● **Work task**:
Set down the entries exactly. No line may differ from its source.

● **Available records**:
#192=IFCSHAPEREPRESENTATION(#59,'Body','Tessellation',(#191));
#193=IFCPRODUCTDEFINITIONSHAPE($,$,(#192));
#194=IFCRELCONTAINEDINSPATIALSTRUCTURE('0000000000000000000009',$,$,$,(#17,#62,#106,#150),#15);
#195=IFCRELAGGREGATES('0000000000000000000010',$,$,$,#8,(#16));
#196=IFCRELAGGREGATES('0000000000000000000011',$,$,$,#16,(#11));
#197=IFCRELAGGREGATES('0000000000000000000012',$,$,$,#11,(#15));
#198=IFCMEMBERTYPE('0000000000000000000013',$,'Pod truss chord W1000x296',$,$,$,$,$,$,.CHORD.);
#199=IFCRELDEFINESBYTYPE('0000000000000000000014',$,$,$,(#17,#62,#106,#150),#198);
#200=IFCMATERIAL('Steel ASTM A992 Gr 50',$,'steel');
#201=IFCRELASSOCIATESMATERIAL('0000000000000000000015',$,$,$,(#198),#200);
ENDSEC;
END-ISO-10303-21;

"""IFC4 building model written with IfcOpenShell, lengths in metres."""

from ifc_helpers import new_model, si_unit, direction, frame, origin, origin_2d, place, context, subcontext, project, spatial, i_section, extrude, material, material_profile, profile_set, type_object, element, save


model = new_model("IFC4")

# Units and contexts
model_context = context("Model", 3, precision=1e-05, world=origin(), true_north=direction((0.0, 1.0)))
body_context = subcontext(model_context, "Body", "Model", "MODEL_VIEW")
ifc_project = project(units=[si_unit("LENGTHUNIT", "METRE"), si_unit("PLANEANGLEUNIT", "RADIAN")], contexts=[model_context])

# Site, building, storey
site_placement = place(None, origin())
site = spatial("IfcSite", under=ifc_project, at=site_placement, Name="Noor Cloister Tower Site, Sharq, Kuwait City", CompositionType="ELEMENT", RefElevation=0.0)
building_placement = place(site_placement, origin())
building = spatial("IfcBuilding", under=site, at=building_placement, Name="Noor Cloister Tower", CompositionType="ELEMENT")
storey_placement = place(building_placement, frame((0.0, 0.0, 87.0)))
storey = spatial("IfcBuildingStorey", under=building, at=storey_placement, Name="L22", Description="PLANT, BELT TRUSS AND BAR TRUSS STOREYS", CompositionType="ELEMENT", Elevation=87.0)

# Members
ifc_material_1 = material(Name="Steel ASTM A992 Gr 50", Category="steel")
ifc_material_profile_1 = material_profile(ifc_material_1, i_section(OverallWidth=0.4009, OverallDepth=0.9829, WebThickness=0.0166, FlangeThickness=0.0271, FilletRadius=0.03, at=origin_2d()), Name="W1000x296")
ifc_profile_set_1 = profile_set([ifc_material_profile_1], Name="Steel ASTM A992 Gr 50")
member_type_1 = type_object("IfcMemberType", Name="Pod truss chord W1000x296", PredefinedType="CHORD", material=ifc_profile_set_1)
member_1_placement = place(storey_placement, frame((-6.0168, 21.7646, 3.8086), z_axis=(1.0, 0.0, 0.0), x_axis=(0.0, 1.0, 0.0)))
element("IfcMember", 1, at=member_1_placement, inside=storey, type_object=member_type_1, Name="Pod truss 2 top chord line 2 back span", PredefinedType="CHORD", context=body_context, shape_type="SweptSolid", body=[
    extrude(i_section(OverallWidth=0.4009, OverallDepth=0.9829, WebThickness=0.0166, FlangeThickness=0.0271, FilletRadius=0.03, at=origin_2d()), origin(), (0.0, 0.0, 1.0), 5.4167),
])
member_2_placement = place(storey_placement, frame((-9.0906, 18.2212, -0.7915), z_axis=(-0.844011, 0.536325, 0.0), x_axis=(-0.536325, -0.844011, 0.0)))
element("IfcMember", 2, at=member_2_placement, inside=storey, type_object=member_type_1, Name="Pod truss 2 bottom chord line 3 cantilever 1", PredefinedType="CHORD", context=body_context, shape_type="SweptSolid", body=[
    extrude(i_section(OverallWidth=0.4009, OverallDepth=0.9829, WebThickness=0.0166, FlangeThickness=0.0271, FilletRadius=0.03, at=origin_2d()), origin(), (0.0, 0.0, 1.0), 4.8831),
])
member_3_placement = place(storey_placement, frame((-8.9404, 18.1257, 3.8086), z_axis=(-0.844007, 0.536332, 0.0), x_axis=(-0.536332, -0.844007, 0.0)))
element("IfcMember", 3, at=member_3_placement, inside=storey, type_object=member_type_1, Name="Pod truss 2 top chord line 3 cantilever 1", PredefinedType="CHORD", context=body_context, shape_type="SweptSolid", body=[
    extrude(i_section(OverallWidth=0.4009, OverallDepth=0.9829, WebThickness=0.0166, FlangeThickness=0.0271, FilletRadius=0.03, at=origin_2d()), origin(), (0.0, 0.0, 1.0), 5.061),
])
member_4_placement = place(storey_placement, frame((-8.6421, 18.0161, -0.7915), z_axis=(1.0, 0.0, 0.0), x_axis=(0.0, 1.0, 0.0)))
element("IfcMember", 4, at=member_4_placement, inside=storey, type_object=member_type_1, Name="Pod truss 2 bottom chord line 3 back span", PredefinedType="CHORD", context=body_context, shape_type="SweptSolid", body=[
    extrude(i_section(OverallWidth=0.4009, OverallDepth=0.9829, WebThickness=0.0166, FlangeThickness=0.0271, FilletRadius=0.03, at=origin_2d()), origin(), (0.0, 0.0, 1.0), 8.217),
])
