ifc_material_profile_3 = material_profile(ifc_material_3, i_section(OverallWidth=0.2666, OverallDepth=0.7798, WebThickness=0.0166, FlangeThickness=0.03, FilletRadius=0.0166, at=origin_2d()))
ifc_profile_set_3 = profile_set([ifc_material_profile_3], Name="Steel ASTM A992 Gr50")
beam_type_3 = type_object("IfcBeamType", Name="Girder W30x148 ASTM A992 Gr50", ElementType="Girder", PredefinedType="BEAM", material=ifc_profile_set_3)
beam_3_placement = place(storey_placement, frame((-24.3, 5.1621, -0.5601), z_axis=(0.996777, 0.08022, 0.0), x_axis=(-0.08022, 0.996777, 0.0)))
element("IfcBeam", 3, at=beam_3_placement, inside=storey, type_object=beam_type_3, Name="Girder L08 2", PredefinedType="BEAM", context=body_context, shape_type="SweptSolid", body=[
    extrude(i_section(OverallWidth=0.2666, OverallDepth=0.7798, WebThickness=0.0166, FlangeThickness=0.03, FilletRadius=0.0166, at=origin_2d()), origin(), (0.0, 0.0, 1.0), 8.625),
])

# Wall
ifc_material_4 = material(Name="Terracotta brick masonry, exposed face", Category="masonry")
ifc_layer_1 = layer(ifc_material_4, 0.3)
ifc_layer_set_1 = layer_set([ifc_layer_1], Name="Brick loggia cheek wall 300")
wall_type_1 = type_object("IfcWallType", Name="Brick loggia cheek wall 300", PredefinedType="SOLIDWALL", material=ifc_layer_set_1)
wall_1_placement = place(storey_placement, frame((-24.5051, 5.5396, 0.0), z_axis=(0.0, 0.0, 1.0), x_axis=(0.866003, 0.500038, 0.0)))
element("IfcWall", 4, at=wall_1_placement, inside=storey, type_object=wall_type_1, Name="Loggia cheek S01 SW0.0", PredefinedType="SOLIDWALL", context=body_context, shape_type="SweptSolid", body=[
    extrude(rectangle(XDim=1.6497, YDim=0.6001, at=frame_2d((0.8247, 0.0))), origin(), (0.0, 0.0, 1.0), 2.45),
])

● **Your solution**:
#192=IFCSHAPEREPRESENTATION(#59,'Body','Tessellation',(#191));
#193=IFCPRODUCTDEFINITIONSHAPE($,$,(#192));
#194=IFCRELCONTAINEDINSPATIALSTRUCTURE('0000000000000000000009',$,$,$,(#17,#62,#106,#150),#15);
#195=IFCRELAGGREGATES('0000000000000000000010',$,$,$,#8,(#16));
#196=IFCRELAGGREGATES('0000000000000000000011',$,$,$,#16,(#11));
#197=IFCRELAGGREGATES('0000000000000000000012',$,$,$,#11,(#15));
#198=IFCMEMBERTYPE('0000000000000000000013',$,'Pod truss chord W1000x296',$,$,$,$,$,$,.CHORD.);
#199=IFCRELDEFINESBYTYPE('0000000000000000000014',$,$,$,(#17,#62,#106,#150),#198);
#200=IFCMATERIAL('Steel ASTM A992 Gr 50',$,'steel');
#201=IFCRELASSOCIATESMATERIAL('0000000000000000000015',$,$,$,(#198),#200);
ENDSEC;
END-ISO-10303-21;

"""IFC4 building model written with IfcOpenShell, lengths in metres."""

from ifc_helpers import new_model, si_unit, direction, frame, origin, origin_2d, place, context, subcontext, project, spatial, i_section, extrude, material, material_profile, profile_set, type_object, element, save


model = new_model("IFC4")

# Units and contexts
model_context = context("Model", 3, precision=1e-05, world=origin(), true_north=direction((0.0, 1.0)))
body_context = subcontext(model_context, "Body", "Model", "MODEL_VIEW")
ifc_project = project(units=[si_unit("LENGTHUNIT", "METRE"), si_unit("PLANEANGLEUNIT", "RADIAN")], contexts=[model_context])

# Site, building, storey
site_placement = place(None, origin())
site = spatial("IfcSite", under=ifc_project, at=site_placement, Name="Noor Cloister Tower Site, Sharq, Kuwait City", CompositionType="ELEMENT", RefElevation=0.0)
building_placement = place(site_placement, origin())
building = spatial("IfcBuilding", under=site, at=building_placement, Name="Noor Cloister Tower", CompositionType="ELEMENT")
storey_placement = place(building_placement, frame((0.0, 0.0, 87.0)))
storey = spatial("IfcBuildingStorey", under=building, at=storey_placement, Name="L22", Description="PLANT, BELT TRUSS AND BAR TRUSS STOREYS", CompositionType="ELEMENT", Elevation=87.0)

# Members
ifc_material_1 = material(Name="Steel ASTM A992 Gr 50", Category="steel")
ifc_material_profile_1 = material_profile(ifc_material_1, i_section(OverallWidth=0.4009, OverallDepth=0.9829, WebThickness=0.0166, FlangeThickness=0.0271, FilletRadius=0.03, at=origin_2d()), Name="W1000x296")
ifc_profile_set_1 = profile_set([ifc_material_profile_1], Name="Steel ASTM A992 Gr 50")
member_type_1 = type_object("IfcMemberType", Name="Pod truss chord W1000x296", PredefinedType="CHORD", material=ifc_profile_set_1)
member_1_placement = place(storey_placement, frame((-6.0168, 21.7646, 3.8086), z_axis=(1.0, 0.0, 0.0), x_axis=(0.0, 1.0, 0.0)))
element("IfcMember", 1, at=member_1_placement, inside=storey, type_object=member_type_1, Name="Pod truss 2 top chord line 2 back span", PredefinedType="CHORD", context=body_context, shape_type="SweptSolid", body=[
    extrude(i_section(OverallWidth=0.4009, OverallDepth=0.9829, WebThickness=0.0166, FlangeThickness=0.0271, FilletRadius=0.03, at=origin_2d()), origin(), (0.0, 0.0, 1.0), 5.4167),
])
member_2_placement = place(storey_placement, frame((-9.0906, 18.2212, -0.7915), z_axis=(-0.844011, 0.536325, 0.0), x_axis=(-0.536325, -0.844011, 0.0)))
element("IfcMember", 2, at=member_2_placement, inside=storey, type_object=member_type_1, Name="Pod truss 2 bottom chord line 3 cantilever 1", PredefinedType="CHORD", context=body_context, shape_type="SweptSolid", body=[
    extrude(i_section(OverallWidth=0.4009, OverallDepth=0.9829, WebThickness=0.0166, FlangeThickness=0.0271, FilletRadius=0.03, at=origin_2d()), origin(), (0.0, 0.0, 1.0), 4.8831),
])
member_3_placement = place(storey_placement, frame((-8.9404, 18.1257, 3.8086), z_axis=(-0.844007, 0.536332, 0.0), x_axis=(-0.536332, -0.844007, 0.0)))
element("IfcMember", 3, at=member_3_placement, inside=storey, type_object=member_type_1, Name="Pod truss 2 top chord line 3 cantilever 1", PredefinedType="CHORD", context=body_context, shape_type="SweptSolid", body=[
    extrude(i_section(OverallWidth=0.4009, OverallDepth=0.9829, WebThickness=0.0166, FlangeThickness=0.0271, FilletRadius=0.03, at=origin_2d()), origin(), (0.0, 0.0, 1.0), 5.061),
])
member_4_placement = place(storey_placement, frame((-8.6421, 18.0161, -0.7915), z_axis=(1.0, 0.0, 0.0), x_axis=(0.0, 1.0, 0.0)))
element("IfcMember", 4, at=member_4_placement, inside=storey, type_object=member_type_1, Name="Pod truss 2 bottom chord line 3 back span", PredefinedType="CHORD", context=body_context, shape_type="SweptSolid", body=[
    extrude(i_section(OverallWidth=0.4009, OverallDepth=0.9829, WebThickness=0.0166, FlangeThickness=0.0271, FilletRadius=0.03, at=origin_2d()), origin(), (0.0, 0.0, 1.0), 8.217),
])
ifc_material_profile_3 = material_profile(ifc_material_3, i_section(OverallWidth=0.2666, OverallDepth=0.7798, WebThickness=0.0166, FlangeThickness=0.03, FilletRadius=0.0166, at=origin_2d()))
ifc_profile_set_3 = profile_set([ifc_material_profile_3], Name="Steel ASTM A992 Gr50")
beam_type_3 = type_object("IfcBeamType", Name="Girder W30x148 ASTM A992 Gr50", ElementType="Girder", PredefinedType="BEAM", material=ifc_profile_set_3)
beam_3_placement = place(storey_placement, frame((-24.3, 5.1621, -0.5601), z_axis=(0.996777, 0.08022, 0.0), x_axis=(-0.08022, 0.996777, 0.0)))
element("IfcBeam", 3, at=beam_3_placement, inside=storey, type_object=beam_type_3, Name="Girder L08 2", PredefinedType="BEAM", context=body_context, shape_type="SweptSolid", body=[
    extrude(i_section(OverallWidth=0.2666, OverallDepth=0.7798, WebThickness=0.0166, FlangeThickness=0.03, FilletRadius=0.0166, at=origin_2d()), origin(), (0.0, 0.0, 1.0), 8.625),
])

# Wall
ifc_material_4 = material(Name="Terracotta brick masonry, exposed face", Category="masonry")
ifc_layer_1 = layer(ifc_material_4, 0.3)
ifc_layer_set_1 = layer_set([ifc_layer_1], Name="Brick loggia cheek wall 300")
wall_type_1 = type_object("IfcWallType", Name="Brick loggia cheek wall 300", PredefinedType="SOLIDWALL", material=ifc_layer_set_1)
wall_1_placement = place(storey_placement, frame((-24.5051, 5.5396, 0.0), z_axis=(0.0, 0.0, 1.0), x_axis=(0.866003, 0.500038, 0.0)))
element("IfcWall", 4, at=wall_1_placement, inside=storey, type_object=wall_type_1, Name="Loggia cheek S01 SW0.0", PredefinedType="SOLIDWALL", context=body_context, shape_type="SweptSolid", body=[
    extrude(rectangle(XDim=1.6497, YDim=0.6001, at=frame_2d((0.8247, 0.0))), origin(), (0.0, 0.0, 1.0), 2.45),
])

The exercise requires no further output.